_Required work_
As the answer, set down the lines below from the one containing "#193=IFCPRODUCTDEFINITIONSHAPE($,$,(#192));" through the one containing "building model written", exactly and inclusively, and no others.

+++ Data for processing +++

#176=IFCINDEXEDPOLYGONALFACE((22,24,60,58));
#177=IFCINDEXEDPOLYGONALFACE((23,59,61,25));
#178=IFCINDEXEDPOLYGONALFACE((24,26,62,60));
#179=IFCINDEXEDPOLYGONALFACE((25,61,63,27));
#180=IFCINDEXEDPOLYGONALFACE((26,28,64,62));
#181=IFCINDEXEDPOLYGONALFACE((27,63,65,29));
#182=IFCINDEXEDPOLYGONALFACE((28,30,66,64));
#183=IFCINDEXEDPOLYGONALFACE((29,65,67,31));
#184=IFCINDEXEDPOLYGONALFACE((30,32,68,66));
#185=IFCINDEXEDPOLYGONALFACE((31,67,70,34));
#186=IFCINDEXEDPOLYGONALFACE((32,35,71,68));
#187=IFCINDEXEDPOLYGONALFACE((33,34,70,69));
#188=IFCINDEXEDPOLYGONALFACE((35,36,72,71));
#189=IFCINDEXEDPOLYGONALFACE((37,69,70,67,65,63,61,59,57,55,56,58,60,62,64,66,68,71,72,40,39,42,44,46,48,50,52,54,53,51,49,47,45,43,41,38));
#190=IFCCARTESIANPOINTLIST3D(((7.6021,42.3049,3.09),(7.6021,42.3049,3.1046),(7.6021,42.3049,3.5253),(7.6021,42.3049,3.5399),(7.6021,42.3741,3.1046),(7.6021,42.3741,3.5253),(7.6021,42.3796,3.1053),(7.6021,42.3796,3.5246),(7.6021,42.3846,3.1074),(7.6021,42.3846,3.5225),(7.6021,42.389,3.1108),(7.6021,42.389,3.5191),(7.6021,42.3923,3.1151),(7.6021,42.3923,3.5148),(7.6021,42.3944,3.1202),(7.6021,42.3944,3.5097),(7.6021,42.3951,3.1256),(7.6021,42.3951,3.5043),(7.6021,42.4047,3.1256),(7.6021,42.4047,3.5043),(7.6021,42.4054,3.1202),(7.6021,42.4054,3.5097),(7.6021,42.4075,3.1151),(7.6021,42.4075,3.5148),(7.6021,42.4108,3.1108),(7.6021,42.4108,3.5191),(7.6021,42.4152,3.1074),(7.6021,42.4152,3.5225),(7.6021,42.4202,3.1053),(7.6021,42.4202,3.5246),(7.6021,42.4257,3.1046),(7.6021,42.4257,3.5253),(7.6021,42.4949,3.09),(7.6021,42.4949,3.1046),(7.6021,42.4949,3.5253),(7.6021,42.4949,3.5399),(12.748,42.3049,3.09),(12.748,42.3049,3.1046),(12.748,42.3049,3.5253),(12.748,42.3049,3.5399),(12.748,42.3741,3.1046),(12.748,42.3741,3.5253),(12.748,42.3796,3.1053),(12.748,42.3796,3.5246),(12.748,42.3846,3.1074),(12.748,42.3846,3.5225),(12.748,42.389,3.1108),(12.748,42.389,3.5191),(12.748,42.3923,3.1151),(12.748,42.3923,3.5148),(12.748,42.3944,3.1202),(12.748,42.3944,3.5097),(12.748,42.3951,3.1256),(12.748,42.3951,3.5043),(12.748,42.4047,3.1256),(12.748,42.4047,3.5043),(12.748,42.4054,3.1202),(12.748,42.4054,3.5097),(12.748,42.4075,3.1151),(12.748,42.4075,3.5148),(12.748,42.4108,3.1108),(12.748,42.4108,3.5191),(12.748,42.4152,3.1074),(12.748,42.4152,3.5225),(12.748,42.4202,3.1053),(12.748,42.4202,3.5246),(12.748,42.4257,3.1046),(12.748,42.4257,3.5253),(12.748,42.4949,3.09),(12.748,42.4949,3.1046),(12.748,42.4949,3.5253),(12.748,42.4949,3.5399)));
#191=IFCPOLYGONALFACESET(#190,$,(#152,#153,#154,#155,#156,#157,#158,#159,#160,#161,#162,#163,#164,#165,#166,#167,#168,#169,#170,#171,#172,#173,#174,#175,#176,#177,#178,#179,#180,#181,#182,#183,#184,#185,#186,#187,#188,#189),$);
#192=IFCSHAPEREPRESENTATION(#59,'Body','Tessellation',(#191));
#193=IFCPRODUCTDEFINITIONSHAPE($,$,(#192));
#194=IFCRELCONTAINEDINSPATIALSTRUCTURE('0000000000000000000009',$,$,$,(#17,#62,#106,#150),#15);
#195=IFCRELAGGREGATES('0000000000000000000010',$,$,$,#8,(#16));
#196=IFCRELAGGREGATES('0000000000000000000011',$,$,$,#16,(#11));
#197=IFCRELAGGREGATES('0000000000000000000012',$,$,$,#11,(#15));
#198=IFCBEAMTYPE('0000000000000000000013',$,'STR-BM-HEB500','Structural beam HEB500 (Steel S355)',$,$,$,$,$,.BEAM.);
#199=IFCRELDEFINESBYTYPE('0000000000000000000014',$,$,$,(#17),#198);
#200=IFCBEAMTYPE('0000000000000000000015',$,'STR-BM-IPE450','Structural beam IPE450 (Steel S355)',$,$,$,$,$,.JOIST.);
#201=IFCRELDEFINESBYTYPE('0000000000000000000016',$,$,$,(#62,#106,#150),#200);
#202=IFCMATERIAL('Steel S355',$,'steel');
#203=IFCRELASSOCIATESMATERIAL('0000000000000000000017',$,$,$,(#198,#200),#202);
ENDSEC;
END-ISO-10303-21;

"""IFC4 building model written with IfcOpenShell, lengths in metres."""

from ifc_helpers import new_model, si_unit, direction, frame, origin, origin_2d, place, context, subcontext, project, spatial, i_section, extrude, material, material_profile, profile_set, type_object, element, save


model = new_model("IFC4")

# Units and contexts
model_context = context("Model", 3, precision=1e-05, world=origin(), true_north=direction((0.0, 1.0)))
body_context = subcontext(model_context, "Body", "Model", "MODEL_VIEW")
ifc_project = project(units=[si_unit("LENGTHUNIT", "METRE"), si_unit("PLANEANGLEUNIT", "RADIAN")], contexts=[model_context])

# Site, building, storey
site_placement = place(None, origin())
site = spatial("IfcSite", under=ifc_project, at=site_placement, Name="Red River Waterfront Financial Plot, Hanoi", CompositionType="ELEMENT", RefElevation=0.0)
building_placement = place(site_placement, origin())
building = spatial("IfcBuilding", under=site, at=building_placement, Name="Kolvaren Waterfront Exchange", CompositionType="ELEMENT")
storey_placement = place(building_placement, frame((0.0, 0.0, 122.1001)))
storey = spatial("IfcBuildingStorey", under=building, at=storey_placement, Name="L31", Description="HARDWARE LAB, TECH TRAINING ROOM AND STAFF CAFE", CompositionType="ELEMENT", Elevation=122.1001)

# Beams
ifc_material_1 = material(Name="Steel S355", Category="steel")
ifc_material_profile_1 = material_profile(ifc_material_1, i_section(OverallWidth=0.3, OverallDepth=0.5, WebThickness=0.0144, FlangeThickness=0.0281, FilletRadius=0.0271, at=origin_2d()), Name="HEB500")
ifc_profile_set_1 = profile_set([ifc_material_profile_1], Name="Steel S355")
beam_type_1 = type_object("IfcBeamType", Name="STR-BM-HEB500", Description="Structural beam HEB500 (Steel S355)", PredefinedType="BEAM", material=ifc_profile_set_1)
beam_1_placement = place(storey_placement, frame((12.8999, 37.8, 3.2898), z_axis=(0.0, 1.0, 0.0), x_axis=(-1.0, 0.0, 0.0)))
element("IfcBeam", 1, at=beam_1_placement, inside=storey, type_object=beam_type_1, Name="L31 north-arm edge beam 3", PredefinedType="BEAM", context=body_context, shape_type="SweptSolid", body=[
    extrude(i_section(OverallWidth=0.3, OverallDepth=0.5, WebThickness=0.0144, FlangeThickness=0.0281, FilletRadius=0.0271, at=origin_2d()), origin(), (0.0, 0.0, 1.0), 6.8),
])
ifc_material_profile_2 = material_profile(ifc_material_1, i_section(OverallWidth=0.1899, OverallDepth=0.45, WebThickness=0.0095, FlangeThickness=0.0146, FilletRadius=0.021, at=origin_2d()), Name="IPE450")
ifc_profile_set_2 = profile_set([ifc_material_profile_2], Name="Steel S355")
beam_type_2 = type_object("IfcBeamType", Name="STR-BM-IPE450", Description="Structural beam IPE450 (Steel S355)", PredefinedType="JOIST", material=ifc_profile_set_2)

+++

_Expected answer_
#193=IFCPRODUCTDEFINITIONSHAPE($,$,(#192));
#194=IFCRELCONTAINEDINSPATIALSTRUCTURE('0000000000000000000009',$,$,$,(#17,#62,#106,#150),#15);
#195=IFCRELAGGREGATES('0000000000000000000010',$,$,$,#8,(#16));
#196=IFCRELAGGREGATES('0000000000000000000011',$,$,$,#16,(#11));
#197=IFCRELAGGREGATES('0000000000000000000012',$,$,$,#11,(#15));
#198=IFCBEAMTYPE('0000000000000000000013',$,'STR-BM-HEB500','Structural beam HEB500 (Steel S355)',$,$,$,$,$,.BEAM.);
#199=IFCRELDEFINESBYTYPE('0000000000000000000014',$,$,$,(#17),#198);
#200=IFCBEAMTYPE('0000000000000000000015',$,'STR-BM-IPE450','Structural beam IPE450 (Steel S355)',$,$,$,$,$,.JOIST.);
#201=IFCRELDEFINESBYTYPE('0000000000000000000016',$,$,$,(#62,#106,#150),#200);
#202=IFCMATERIAL('Steel S355',$,'steel');
#203=IFCRELASSOCIATESMATERIAL('0000000000000000000017',$,$,$,(#198,#200),#202);
ENDSEC;
END-ISO-10303-21;

"""IFC4 building model written with IfcOpenShell, lengths in metres."""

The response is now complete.